_Task prompt_.
Report each line of the records below that uses the word "things".

[Data records]
++++++++++
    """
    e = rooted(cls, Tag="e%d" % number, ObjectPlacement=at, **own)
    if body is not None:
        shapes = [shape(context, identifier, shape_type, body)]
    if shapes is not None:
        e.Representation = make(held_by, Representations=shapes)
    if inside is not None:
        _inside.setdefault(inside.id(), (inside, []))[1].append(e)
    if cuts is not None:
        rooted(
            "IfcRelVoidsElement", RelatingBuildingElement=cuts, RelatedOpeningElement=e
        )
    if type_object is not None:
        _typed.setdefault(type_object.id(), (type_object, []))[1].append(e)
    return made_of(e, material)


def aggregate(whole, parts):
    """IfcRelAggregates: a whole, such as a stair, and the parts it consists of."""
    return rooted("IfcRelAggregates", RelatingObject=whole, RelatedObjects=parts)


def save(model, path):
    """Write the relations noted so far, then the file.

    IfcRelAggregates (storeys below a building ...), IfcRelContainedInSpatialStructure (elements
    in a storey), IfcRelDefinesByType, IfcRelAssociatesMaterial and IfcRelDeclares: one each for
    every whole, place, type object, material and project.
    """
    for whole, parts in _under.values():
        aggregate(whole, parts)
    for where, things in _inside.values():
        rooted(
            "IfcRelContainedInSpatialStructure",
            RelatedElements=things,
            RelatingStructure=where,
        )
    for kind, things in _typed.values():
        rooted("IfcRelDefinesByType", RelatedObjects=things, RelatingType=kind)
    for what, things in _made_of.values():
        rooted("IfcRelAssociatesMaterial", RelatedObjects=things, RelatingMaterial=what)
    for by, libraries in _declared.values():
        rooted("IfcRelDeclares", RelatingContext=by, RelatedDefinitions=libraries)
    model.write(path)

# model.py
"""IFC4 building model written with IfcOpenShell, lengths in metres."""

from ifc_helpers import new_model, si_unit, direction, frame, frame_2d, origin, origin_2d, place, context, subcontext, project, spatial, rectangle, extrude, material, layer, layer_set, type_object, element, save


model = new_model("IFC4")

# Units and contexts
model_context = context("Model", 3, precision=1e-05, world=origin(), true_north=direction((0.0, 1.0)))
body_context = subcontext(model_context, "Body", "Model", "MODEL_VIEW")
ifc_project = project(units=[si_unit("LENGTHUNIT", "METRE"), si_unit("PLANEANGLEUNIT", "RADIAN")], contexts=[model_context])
++++++++++
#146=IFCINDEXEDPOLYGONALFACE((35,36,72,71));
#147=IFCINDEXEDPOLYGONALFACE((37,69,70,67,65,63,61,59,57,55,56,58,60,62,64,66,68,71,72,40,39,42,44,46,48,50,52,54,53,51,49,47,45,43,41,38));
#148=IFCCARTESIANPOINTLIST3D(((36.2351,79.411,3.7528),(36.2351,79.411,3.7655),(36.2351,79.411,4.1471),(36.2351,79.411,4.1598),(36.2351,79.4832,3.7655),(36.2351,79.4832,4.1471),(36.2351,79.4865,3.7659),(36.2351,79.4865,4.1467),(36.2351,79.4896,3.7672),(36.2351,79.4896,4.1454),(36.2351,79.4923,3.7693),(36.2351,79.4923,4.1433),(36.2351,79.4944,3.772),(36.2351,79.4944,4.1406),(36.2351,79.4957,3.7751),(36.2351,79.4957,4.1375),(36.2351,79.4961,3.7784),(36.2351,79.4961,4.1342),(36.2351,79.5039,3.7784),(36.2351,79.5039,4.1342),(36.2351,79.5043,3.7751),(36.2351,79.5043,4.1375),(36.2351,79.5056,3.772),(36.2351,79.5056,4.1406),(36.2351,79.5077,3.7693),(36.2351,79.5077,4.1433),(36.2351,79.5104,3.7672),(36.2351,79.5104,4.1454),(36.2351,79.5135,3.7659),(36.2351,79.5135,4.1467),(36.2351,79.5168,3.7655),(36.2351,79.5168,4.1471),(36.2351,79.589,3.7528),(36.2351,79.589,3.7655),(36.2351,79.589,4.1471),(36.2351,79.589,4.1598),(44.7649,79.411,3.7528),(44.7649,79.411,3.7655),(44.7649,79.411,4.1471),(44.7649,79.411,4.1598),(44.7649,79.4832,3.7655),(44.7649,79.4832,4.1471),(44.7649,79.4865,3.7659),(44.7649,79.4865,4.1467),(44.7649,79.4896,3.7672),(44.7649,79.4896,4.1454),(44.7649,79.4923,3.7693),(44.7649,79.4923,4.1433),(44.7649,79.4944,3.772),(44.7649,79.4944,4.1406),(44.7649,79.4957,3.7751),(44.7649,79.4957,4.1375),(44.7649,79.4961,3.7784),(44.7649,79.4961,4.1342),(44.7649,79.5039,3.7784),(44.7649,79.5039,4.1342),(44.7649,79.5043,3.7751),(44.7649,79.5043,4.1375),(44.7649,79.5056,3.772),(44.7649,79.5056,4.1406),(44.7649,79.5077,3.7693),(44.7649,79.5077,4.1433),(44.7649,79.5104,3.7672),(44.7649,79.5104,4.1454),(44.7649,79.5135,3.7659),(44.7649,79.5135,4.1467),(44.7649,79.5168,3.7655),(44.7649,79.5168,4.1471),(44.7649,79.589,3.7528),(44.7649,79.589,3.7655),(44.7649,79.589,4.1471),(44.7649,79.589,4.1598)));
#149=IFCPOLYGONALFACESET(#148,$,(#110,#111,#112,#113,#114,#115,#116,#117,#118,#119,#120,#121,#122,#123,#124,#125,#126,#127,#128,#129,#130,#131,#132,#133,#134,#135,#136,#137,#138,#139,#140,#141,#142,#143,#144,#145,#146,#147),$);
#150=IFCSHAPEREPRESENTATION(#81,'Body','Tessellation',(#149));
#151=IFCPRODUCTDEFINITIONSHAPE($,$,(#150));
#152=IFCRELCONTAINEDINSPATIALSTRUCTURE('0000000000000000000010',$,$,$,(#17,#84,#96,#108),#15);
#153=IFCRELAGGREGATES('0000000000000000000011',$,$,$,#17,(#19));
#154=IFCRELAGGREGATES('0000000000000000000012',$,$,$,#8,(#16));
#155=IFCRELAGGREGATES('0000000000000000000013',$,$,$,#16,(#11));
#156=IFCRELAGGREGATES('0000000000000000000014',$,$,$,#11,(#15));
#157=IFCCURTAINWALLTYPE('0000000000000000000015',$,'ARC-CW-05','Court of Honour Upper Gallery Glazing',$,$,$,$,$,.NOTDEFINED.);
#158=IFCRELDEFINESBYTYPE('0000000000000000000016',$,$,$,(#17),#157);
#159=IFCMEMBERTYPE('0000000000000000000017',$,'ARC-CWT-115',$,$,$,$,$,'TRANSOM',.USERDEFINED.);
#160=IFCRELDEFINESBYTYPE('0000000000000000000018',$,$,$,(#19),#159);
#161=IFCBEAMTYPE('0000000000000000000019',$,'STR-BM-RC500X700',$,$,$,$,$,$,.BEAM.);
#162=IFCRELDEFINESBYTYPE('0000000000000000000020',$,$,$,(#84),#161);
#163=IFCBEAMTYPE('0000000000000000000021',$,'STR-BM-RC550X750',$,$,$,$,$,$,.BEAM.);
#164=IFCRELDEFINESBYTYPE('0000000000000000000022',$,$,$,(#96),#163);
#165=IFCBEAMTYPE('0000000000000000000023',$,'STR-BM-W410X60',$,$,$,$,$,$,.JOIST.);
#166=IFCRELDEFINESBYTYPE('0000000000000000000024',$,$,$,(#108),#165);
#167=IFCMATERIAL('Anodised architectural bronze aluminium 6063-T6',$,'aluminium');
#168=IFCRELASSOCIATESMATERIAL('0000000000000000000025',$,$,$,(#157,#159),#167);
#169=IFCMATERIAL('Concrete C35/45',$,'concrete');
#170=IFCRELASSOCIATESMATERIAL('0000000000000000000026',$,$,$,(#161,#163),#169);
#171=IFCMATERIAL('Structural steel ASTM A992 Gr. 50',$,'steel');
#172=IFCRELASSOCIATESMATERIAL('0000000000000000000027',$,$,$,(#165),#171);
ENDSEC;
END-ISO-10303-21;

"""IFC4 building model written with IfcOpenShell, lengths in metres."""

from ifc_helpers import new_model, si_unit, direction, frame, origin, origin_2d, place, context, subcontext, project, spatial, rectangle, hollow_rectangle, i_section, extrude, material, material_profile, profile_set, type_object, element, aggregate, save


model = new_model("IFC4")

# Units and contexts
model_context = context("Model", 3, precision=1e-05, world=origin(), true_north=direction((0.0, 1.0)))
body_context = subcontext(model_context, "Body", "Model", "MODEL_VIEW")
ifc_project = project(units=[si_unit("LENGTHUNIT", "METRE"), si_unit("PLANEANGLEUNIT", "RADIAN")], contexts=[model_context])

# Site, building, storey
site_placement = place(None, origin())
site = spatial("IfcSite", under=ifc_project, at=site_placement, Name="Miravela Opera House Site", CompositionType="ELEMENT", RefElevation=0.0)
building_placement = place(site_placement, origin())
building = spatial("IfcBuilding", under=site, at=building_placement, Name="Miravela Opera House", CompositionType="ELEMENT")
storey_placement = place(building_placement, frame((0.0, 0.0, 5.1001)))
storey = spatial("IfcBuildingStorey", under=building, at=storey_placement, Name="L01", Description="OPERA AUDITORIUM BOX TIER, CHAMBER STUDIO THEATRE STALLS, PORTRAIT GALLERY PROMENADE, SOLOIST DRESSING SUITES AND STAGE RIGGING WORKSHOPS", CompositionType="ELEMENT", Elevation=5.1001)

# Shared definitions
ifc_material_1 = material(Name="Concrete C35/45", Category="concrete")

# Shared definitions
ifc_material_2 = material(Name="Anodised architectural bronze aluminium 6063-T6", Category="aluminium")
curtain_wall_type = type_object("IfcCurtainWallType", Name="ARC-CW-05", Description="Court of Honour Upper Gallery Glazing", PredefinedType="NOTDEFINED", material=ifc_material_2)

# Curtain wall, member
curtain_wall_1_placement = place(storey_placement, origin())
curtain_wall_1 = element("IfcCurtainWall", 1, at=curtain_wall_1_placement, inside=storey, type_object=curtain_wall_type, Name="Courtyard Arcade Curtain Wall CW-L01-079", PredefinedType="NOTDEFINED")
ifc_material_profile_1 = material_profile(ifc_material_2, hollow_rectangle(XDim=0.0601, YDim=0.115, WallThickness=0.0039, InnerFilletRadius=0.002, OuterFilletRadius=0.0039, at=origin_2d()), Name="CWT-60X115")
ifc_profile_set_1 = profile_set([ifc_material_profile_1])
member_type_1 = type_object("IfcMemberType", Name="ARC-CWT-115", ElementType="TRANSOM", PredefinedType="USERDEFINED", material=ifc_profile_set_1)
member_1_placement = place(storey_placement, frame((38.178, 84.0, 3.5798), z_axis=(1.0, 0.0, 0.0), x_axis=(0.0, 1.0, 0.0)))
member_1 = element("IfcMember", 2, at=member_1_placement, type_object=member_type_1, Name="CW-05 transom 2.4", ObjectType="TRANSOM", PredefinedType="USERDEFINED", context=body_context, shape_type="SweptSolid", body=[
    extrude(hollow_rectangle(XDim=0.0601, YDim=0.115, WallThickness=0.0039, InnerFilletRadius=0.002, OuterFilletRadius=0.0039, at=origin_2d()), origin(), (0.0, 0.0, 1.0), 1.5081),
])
++++++++++
_Written answer_.
    for where, things in _inside.values():
            RelatedElements=things,
    for kind, things in _typed.values():
        rooted("IfcRelDefinesByType", RelatedObjects=things, RelatingType=kind)
    for what, things in _made_of.values():
        rooted("IfcRelAssociatesMaterial", RelatedObjects=things, RelatingMaterial=what)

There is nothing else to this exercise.